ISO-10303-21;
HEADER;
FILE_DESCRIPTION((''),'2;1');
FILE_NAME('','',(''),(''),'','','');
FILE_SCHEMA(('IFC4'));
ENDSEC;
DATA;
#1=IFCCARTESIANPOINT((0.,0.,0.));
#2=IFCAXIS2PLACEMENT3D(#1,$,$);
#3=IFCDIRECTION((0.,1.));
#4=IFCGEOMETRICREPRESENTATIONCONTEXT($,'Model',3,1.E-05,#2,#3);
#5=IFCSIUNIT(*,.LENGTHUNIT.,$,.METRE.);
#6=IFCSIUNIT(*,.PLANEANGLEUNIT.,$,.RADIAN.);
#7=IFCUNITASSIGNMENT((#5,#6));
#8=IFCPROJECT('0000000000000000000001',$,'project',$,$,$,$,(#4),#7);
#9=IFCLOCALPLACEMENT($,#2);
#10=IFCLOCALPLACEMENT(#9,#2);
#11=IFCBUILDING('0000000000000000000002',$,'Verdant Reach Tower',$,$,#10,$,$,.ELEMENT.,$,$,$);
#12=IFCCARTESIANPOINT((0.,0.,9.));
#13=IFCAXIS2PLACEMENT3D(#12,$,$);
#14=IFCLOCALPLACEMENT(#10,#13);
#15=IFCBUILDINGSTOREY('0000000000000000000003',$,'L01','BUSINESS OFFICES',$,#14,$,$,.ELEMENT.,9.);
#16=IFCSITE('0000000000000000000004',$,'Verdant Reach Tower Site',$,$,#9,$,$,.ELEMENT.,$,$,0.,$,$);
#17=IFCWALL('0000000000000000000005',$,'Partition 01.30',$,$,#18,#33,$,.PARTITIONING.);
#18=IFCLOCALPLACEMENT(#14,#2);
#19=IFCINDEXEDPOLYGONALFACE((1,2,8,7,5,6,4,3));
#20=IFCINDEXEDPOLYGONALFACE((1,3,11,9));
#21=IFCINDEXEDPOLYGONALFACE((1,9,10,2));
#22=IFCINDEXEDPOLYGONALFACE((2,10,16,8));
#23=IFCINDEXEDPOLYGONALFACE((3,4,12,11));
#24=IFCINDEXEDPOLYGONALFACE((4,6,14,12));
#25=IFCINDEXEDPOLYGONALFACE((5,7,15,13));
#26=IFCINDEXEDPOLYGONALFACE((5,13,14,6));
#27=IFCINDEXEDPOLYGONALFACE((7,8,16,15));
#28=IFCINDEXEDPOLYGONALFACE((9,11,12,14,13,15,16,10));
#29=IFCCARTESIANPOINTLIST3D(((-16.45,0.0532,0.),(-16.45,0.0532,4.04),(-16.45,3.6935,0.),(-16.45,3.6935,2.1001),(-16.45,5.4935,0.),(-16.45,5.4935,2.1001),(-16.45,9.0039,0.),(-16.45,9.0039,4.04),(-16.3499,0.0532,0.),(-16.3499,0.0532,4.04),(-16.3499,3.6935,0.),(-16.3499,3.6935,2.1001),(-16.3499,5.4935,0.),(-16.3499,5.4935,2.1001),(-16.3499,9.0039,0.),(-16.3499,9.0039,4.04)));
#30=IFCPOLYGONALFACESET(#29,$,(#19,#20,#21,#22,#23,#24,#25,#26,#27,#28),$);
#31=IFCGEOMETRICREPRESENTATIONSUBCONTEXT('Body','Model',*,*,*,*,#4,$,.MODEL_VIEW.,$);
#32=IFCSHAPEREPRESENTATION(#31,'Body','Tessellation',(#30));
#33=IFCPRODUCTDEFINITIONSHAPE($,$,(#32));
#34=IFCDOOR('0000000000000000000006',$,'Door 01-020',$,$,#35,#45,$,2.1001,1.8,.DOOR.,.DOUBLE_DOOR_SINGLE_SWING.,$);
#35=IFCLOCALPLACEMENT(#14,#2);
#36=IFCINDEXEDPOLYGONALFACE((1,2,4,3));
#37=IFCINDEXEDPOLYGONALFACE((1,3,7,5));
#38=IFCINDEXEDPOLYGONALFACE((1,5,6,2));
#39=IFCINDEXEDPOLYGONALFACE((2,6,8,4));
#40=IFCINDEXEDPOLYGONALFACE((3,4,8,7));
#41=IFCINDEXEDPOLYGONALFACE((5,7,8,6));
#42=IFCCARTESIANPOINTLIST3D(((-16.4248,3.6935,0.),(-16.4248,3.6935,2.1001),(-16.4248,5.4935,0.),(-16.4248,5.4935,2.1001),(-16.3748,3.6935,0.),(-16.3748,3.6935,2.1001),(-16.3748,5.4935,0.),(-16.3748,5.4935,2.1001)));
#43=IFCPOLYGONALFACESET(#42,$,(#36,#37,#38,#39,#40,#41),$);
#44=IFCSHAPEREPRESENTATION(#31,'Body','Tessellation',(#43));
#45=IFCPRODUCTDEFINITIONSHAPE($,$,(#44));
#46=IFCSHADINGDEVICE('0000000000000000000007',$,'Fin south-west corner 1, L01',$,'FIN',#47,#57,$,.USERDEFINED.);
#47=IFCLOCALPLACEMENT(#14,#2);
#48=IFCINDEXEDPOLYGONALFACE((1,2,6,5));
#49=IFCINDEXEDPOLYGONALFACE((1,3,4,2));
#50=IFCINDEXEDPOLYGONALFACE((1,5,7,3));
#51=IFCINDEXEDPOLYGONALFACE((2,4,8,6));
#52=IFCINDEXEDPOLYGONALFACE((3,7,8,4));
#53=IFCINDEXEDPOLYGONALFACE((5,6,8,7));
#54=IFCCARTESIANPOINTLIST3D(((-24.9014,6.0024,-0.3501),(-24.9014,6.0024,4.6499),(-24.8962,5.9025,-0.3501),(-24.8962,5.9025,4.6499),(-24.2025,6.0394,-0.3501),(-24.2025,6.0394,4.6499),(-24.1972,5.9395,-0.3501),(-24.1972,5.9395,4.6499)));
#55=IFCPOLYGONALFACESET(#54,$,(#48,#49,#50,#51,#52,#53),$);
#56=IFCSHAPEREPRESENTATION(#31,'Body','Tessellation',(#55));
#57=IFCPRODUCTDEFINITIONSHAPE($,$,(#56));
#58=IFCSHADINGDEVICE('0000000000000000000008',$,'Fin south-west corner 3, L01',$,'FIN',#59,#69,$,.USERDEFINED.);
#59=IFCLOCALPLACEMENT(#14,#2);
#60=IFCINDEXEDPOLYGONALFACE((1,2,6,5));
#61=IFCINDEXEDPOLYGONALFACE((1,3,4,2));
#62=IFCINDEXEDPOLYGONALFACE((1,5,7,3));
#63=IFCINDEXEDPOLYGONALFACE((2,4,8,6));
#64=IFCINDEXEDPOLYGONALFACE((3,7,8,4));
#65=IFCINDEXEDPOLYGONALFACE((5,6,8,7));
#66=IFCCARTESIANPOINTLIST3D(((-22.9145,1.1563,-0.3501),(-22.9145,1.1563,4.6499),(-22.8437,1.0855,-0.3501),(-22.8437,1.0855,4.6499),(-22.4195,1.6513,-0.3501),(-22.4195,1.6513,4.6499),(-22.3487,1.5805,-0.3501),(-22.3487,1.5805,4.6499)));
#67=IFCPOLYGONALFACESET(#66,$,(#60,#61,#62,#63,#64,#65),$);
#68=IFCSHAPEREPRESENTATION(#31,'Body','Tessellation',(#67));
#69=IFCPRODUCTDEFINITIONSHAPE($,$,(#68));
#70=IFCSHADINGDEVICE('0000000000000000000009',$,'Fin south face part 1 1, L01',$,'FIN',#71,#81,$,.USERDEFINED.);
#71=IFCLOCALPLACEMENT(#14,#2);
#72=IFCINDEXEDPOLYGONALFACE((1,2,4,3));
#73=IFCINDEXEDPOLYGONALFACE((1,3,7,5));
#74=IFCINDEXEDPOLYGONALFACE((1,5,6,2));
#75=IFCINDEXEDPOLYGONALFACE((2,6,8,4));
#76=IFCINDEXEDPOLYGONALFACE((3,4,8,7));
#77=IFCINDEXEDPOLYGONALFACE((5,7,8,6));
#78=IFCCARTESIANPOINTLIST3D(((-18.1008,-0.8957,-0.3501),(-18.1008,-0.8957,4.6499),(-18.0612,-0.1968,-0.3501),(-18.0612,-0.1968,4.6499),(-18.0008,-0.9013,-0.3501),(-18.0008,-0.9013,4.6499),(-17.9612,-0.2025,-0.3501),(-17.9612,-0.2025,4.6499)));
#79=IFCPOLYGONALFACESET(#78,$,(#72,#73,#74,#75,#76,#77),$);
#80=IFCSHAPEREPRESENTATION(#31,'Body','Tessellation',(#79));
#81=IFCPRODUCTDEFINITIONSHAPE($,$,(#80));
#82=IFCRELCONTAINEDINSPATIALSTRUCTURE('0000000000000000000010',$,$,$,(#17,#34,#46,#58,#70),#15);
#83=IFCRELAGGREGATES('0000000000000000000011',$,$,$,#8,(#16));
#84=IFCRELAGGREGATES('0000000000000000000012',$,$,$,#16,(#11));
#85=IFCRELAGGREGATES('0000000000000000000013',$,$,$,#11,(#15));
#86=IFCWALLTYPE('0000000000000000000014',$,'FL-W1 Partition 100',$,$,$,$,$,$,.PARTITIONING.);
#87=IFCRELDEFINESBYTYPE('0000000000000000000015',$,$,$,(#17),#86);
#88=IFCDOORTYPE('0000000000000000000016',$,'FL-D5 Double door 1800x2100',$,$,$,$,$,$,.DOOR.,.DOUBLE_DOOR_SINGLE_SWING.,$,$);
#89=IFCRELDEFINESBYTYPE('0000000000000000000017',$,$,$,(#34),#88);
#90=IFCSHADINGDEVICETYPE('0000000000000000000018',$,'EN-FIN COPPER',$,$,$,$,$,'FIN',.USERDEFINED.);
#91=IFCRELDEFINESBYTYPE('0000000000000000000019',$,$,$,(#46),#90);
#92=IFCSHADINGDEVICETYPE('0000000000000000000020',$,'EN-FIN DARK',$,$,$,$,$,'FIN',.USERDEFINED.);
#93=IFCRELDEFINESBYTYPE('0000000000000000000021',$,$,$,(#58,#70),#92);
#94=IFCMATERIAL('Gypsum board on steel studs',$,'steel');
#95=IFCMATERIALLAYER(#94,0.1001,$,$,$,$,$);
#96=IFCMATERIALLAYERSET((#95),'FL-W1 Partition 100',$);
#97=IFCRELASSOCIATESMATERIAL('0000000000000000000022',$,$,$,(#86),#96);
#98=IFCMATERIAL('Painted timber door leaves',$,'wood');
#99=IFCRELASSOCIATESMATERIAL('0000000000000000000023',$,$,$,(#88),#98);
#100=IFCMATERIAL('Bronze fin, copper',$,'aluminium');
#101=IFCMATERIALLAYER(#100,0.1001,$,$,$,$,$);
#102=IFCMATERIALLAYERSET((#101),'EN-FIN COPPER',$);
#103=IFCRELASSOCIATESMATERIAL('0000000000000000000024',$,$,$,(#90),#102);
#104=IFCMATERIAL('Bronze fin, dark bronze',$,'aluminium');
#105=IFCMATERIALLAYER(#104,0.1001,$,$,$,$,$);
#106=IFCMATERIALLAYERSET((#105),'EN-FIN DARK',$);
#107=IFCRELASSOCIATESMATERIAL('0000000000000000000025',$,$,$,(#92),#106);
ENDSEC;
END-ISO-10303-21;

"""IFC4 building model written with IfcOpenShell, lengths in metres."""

from ifc_helpers import new_model, si_unit, direction, frame, frame_2d, origin, origin_2d, place, context, subcontext, project, spatial, rectangle, extrude, material, layer, layer_set, type_object, element, fill, save


model = new_model("IFC4")

# Units and contexts
model_context = context("Model", 3, precision=1e-05, world=origin(), true_north=direction((0.0, 1.0)))
body_context = subcontext(model_context, "Body", "Model", "MODEL_VIEW")
ifc_project = project(units=[si_unit("LENGTHUNIT", "METRE"), si_unit("PLANEANGLEUNIT", "RADIAN")], contexts=[model_context])

# Site, building, storey
site_placement = place(None, origin())
site = spatial("IfcSite", under=ifc_project, at=site_placement, Name="Verdant Reach Tower Site", CompositionType="ELEMENT", RefElevation=0.0)
building_placement = place(site_placement, origin())
building = spatial("IfcBuilding", under=site, at=building_placement, Name="Verdant Reach Tower", CompositionType="ELEMENT")
storey_placement = place(building_placement, frame((0.0, 0.0, 9.0)))
storey = spatial("IfcBuildingStorey", under=building, at=storey_placement, Name="L01", Description="BUSINESS OFFICES", CompositionType="ELEMENT", Elevation=9.0)

# Wall, opening, door
ifc_material_1 = material(Name="Gypsum board on steel studs", Category="steel")
ifc_layer_1 = layer(ifc_material_1, 0.1001)
ifc_layer_set_1 = layer_set([ifc_layer_1], Name="FL-W1 Partition 100")
wall_type = type_object("IfcWallType", Name="FL-W1 Partition 100", PredefinedType="PARTITIONING", material=ifc_layer_set_1)
wall_placement = place(storey_placement, frame((-16.3999, 0.0532, 0.0), z_axis=(0.0, 0.0, 1.0), x_axis=(0.0, 1.0, 0.0)))
wall = element("IfcWall", 1, at=wall_placement, inside=storey, type_object=wall_type, Name="Partition 01.30", PredefinedType="PARTITIONING", context=body_context, shape_type="SweptSolid", body=[
    extrude(rectangle(XDim=8.9507, YDim=0.1001, at=frame_2d((4.4753, 0.0))), origin(), (0.0, 0.0, 1.0), 4.04),
])
opening_placement = place(wall_placement, frame((3.6404, 0.0, 0.0)))
opening = element("IfcOpeningElement", 2, at=opening_placement, cuts=wall, PredefinedType="OPENING", context=body_context, shape_type="SweptSolid", body=[
    extrude(rectangle(XDim=1.8, YDim=2.1001, at=frame_2d((0.8999, 1.05))), frame((0.0, 0.0601, 0.0), z_axis=(0.0, -1.0, 0.0), x_axis=(1.0, 0.0, 0.0)), (0.0, 0.0, 1.0), 0.1201),
])
ifc_material_2 = material(Name="Painted timber door leaves", Category="wood")
door_type = type_object("IfcDoorType", Name="FL-D5 Double door 1800x2100", OperationType="DOUBLE_DOOR_SINGLE_SWING", PredefinedType="DOOR", material=ifc_material_2)
door_placement = place(opening_placement, origin())
door = element("IfcDoor", 3, at=door_placement, inside=storey, type_object=door_type, Name="Door 01-020", OperationType="DOUBLE_DOOR_SINGLE_SWING", OverallHeight=2.1001, OverallWidth=1.8, PredefinedType="DOOR", context=body_context, shape_type="SweptSolid", body=[
    extrude(rectangle(XDim=1.8, YDim=2.1001, at=frame_2d((0.8999, 1.05))), frame((0.0, 0.0249, 0.0), z_axis=(0.0, -1.0, 0.0), x_axis=(1.0, 0.0, 0.0)), (0.0, 0.0, 1.0), 0.05),
])
fill(opening, door)

# Shading devices
ifc_material_3 = material(Name="Bronze fin, copper", Category="aluminium")
ifc_layer_2 = layer(ifc_material_3, 0.1001)
ifc_layer_set_2 = layer_set([ifc_layer_2], Name="EN-FIN COPPER")
shading_device_type_1 = type_object("IfcShadingDeviceType", Name="EN-FIN COPPER", ElementType="FIN", PredefinedType="USERDEFINED", material=ifc_layer_set_2)
shading_device_placement = place(storey_placement, frame((-24.5493, 5.9709, -0.3501), z_axis=(0.0, 0.0, 1.0), x_axis=(0.052815, -0.998604, 0.0)))
element("IfcShadingDevice", 4, at=shading_device_placement, inside=storey, type_object=shading_device_type_1, Name="Fin south-west corner 1, L01", ObjectType="FIN", PredefinedType="USERDEFINED", context=body_context, shape_type="SweptSolid", body=[
    extrude(rectangle(XDim=0.1001, YDim=0.7, at=origin_2d()), origin(), (0.0, 0.0, 1.0), 5.0),
])
ifc_material_4 = material(Name="Bronze fin, dark bronze", Category="aluminium")
ifc_layer_3 = layer(ifc_material_4, 0.1001)
ifc_layer_set_3 = layer_set([ifc_layer_3], Name="EN-FIN DARK")
shading_device_type_2 = type_object("IfcShadingDeviceType", Name="EN-FIN DARK", ElementType="FIN", PredefinedType="USERDEFINED", material=ifc_layer_set_3)
for number, where, z_axis, x_axis, name in (
    (5, (-22.6316, 1.3684, -0.3501), (0.0, 0.0, 1.0), (0.707107, -0.707107, 0.0), "Fin south-west corner 3, L01"),
    (6, (-18.031, -0.5491, -0.3501), (0.0, 0.0, 1.0), (0.998399, -0.056569, 0.0), "Fin south face part 1 1, L01"),
):
    element("IfcShadingDevice", number, at=place(storey_placement, frame(where, z_axis=z_axis, x_axis=x_axis)), inside=storey, type_object=shading_device_type_2, Name=name, ObjectType="FIN", PredefinedType="USERDEFINED", context=body_context, shape_type="SweptSolid", body=[
        extrude(rectangle(XDim=0.1001, YDim=0.7, at=origin_2d()), origin(), (0.0, 0.0, 1.0), 5.0),
    ])

save(model, "model.ifc")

Assignment
Filter the entries by the string "IFCPOLYGONALFACESET" and copy each matching line.

Output below
#30=IFCPOLYGONALFACESET(#29,$,(#19,#20,#21,#22,#23,#24,#25,#26,#27,#28),$);
#43=IFCPOLYGONALFACESET(#42,$,(#36,#37,#38,#39,#40,#41),$);
#55=IFCPOLYGONALFACESET(#54,$,(#48,#49,#50,#51,#52,#53),$);
#67=IFCPOLYGONALFACESET(#66,$,(#60,#61,#62,#63,#64,#65),$);
#79=IFCPOLYGONALFACESET(#78,$,(#72,#73,#74,#75,#76,#77),$);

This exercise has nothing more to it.